Work instruction:
Could you give the whole listing again, exactly as it reads?

Records for processing:
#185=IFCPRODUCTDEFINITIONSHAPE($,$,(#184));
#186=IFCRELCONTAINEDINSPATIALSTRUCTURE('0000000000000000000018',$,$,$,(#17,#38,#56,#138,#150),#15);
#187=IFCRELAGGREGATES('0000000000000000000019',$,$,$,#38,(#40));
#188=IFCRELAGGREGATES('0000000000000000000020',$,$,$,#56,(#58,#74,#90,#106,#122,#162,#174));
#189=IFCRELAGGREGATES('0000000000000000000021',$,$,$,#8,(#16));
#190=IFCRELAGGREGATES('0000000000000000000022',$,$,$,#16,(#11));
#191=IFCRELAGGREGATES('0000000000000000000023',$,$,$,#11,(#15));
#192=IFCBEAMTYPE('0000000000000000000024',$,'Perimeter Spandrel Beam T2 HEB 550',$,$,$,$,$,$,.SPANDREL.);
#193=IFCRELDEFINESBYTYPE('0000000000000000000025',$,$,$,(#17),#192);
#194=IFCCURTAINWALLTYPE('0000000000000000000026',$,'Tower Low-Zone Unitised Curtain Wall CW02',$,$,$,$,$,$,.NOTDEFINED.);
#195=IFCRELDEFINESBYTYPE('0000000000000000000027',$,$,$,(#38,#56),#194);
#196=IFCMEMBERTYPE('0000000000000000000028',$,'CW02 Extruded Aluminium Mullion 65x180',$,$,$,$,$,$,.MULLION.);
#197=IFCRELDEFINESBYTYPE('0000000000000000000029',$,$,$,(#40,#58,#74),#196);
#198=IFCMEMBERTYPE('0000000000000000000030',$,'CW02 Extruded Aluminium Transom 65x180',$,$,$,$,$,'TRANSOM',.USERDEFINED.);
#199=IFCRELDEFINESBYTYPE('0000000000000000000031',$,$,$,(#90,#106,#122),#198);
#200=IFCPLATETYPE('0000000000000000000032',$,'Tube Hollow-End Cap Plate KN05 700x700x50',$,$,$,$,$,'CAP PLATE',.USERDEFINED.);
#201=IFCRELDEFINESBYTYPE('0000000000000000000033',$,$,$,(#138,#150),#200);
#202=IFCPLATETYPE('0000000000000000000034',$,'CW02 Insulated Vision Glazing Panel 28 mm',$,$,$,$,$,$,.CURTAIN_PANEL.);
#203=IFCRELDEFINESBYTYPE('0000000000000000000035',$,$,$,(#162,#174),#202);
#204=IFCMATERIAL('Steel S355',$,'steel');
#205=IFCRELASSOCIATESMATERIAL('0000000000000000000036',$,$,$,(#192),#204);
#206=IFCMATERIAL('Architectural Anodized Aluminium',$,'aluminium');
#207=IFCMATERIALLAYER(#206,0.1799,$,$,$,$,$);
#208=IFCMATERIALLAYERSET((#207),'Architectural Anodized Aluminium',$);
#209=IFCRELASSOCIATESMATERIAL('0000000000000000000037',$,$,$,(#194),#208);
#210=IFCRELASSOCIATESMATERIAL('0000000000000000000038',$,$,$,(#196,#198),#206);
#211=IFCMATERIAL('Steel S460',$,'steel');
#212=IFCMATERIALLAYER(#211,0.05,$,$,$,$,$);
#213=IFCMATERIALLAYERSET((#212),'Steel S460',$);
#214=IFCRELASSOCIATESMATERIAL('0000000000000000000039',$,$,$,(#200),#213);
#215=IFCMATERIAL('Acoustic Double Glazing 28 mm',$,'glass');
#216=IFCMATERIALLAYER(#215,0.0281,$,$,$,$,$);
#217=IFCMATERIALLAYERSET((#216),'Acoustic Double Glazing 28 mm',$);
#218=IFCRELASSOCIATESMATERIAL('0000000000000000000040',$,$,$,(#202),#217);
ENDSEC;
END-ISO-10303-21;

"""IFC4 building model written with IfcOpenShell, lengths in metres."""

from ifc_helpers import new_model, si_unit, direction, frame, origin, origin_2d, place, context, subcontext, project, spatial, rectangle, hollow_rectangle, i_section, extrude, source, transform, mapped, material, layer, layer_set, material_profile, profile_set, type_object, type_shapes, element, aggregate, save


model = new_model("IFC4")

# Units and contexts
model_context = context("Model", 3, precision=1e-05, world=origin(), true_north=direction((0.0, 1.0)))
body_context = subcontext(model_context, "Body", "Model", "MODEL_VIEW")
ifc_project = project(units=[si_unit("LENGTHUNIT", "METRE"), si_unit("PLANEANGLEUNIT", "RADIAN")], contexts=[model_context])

Output for this exercise:
#185=IFCPRODUCTDEFINITIONSHAPE($,$,(#184));
#186=IFCRELCONTAINEDINSPATIALSTRUCTURE('0000000000000000000018',$,$,$,(#17,#38,#56,#138,#150),#15);
#187=IFCRELAGGREGATES('0000000000000000000019',$,$,$,#38,(#40));
#188=IFCRELAGGREGATES('0000000000000000000020',$,$,$,#56,(#58,#74,#90,#106,#122,#162,#174));
#189=IFCRELAGGREGATES('0000000000000000000021',$,$,$,#8,(#16));
#190=IFCRELAGGREGATES('0000000000000000000022',$,$,$,#16,(#11));
#191=IFCRELAGGREGATES('0000000000000000000023',$,$,$,#11,(#15));
#192=IFCBEAMTYPE('0000000000000000000024',$,'Perimeter Spandrel Beam T2 HEB 550',$,$,$,$,$,$,.SPANDREL.);
#193=IFCRELDEFINESBYTYPE('0000000000000000000025',$,$,$,(#17),#192);
#194=IFCCURTAINWALLTYPE('0000000000000000000026',$,'Tower Low-Zone Unitised Curtain Wall CW02',$,$,$,$,$,$,.NOTDEFINED.);
#195=IFCRELDEFINESBYTYPE('0000000000000000000027',$,$,$,(#38,#56),#194);
#196=IFCMEMBERTYPE('0000000000000000000028',$,'CW02 Extruded Aluminium Mullion 65x180',$,$,$,$,$,$,.MULLION.);
#197=IFCRELDEFINESBYTYPE('0000000000000000000029',$,$,$,(#40,#58,#74),#196);
#198=IFCMEMBERTYPE('0000000000000000000030',$,'CW02 Extruded Aluminium Transom 65x180',$,$,$,$,$,'TRANSOM',.USERDEFINED.);
#199=IFCRELDEFINESBYTYPE('0000000000000000000031',$,$,$,(#90,#106,#122),#198);
#200=IFCPLATETYPE('0000000000000000000032',$,'Tube Hollow-End Cap Plate KN05 700x700x50',$,$,$,$,$,'CAP PLATE',.USERDEFINED.);
#201=IFCRELDEFINESBYTYPE('0000000000000000000033',$,$,$,(#138,#150),#200);
#202=IFCPLATETYPE('0000000000000000000034',$,'CW02 Insulated Vision Glazing Panel 28 mm',$,$,$,$,$,$,.CURTAIN_PANEL.);
#203=IFCRELDEFINESBYTYPE('0000000000000000000035',$,$,$,(#162,#174),#202);
#204=IFCMATERIAL('Steel S355',$,'steel');
#205=IFCRELASSOCIATESMATERIAL('0000000000000000000036',$,$,$,(#192),#204);
#206=IFCMATERIAL('Architectural Anodized Aluminium',$,'aluminium');
#207=IFCMATERIALLAYER(#206,0.1799,$,$,$,$,$);
#208=IFCMATERIALLAYERSET((#207),'Architectural Anodized Aluminium',$);
#209=IFCRELASSOCIATESMATERIAL('0000000000000000000037',$,$,$,(#194),#208);
#210=IFCRELASSOCIATESMATERIAL('0000000000000000000038',$,$,$,(#196,#198),#206);
#211=IFCMATERIAL('Steel S460',$,'steel');
#212=IFCMATERIALLAYER(#211,0.05,$,$,$,$,$);
#213=IFCMATERIALLAYERSET((#212),'Steel S460',$);
#214=IFCRELASSOCIATESMATERIAL('0000000000000000000039',$,$,$,(#200),#213);
#215=IFCMATERIAL('Acoustic Double Glazing 28 mm',$,'glass');
#216=IFCMATERIALLAYER(#215,0.0281,$,$,$,$,$);
#217=IFCMATERIALLAYERSET((#216),'Acoustic Double Glazing 28 mm',$);
#218=IFCRELASSOCIATESMATERIAL('0000000000000000000040',$,$,$,(#202),#217);
ENDSEC;
END-ISO-10303-21;

"""IFC4 building model written with IfcOpenShell, lengths in metres."""

from ifc_helpers import new_model, si_unit, direction, frame, origin, origin_2d, place, context, subcontext, project, spatial, rectangle, hollow_rectangle, i_section, extrude, source, transform, mapped, material, layer, layer_set, material_profile, profile_set, type_object, type_shapes, element, aggregate, save


model = new_model("IFC4")

# Units and contexts
model_context = context("Model", 3, precision=1e-05, world=origin(), true_north=direction((0.0, 1.0)))
body_context = subcontext(model_context, "Body", "Model", "MODEL_VIEW")
ifc_project = project(units=[si_unit("LENGTHUNIT", "METRE"), si_unit("PLANEANGLEUNIT", "RADIAN")], contexts=[model_context])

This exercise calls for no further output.